▶ _Action item_
From the first line to the last, write out the records below exactly as they appear.

▶ _Extracted records_
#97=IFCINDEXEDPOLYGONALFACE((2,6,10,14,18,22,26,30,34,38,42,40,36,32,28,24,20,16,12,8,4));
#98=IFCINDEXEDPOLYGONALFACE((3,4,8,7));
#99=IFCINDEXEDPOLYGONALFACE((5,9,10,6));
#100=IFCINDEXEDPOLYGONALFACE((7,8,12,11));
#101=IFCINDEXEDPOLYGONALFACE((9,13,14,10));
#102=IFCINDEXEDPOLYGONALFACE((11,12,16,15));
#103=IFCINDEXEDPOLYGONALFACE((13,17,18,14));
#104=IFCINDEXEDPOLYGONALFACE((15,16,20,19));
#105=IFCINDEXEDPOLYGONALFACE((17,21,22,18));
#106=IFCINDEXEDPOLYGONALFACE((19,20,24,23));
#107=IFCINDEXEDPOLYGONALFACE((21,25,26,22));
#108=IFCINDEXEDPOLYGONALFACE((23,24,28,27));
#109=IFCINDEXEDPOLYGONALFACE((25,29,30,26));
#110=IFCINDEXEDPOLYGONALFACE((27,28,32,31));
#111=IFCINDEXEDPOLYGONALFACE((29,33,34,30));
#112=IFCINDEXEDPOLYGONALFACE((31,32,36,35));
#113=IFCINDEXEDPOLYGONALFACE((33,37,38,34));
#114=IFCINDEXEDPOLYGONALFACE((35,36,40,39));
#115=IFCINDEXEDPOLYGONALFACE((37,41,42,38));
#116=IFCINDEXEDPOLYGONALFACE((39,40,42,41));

▶ _Exercise output_
#97=IFCINDEXEDPOLYGONALFACE((2,6,10,14,18,22,26,30,34,38,42,40,36,32,28,24,20,16,12,8,4));
#98=IFCINDEXEDPOLYGONALFACE((3,4,8,7));
#99=IFCINDEXEDPOLYGONALFACE((5,9,10,6));
#100=IFCINDEXEDPOLYGONALFACE((7,8,12,11));
#101=IFCINDEXEDPOLYGONALFACE((9,13,14,10));
#102=IFCINDEXEDPOLYGONALFACE((11,12,16,15));
#103=IFCINDEXEDPOLYGONALFACE((13,17,18,14));
#104=IFCINDEXEDPOLYGONALFACE((15,16,20,19));
#105=IFCINDEXEDPOLYGONALFACE((17,21,22,18));
#106=IFCINDEXEDPOLYGONALFACE((19,20,24,23));
#107=IFCINDEXEDPOLYGONALFACE((21,25,26,22));
#108=IFCINDEXEDPOLYGONALFACE((23,24,28,27));
#109=IFCINDEXEDPOLYGONALFACE((25,29,30,26));
#110=IFCINDEXEDPOLYGONALFACE((27,28,32,31));
#111=IFCINDEXEDPOLYGONALFACE((29,33,34,30));
#112=IFCINDEXEDPOLYGONALFACE((31,32,36,35));
#113=IFCINDEXEDPOLYGONALFACE((33,37,38,34));
#114=IFCINDEXEDPOLYGONALFACE((35,36,40,39));
#115=IFCINDEXEDPOLYGONALFACE((37,41,42,38));
#116=IFCINDEXEDPOLYGONALFACE((39,40,42,41));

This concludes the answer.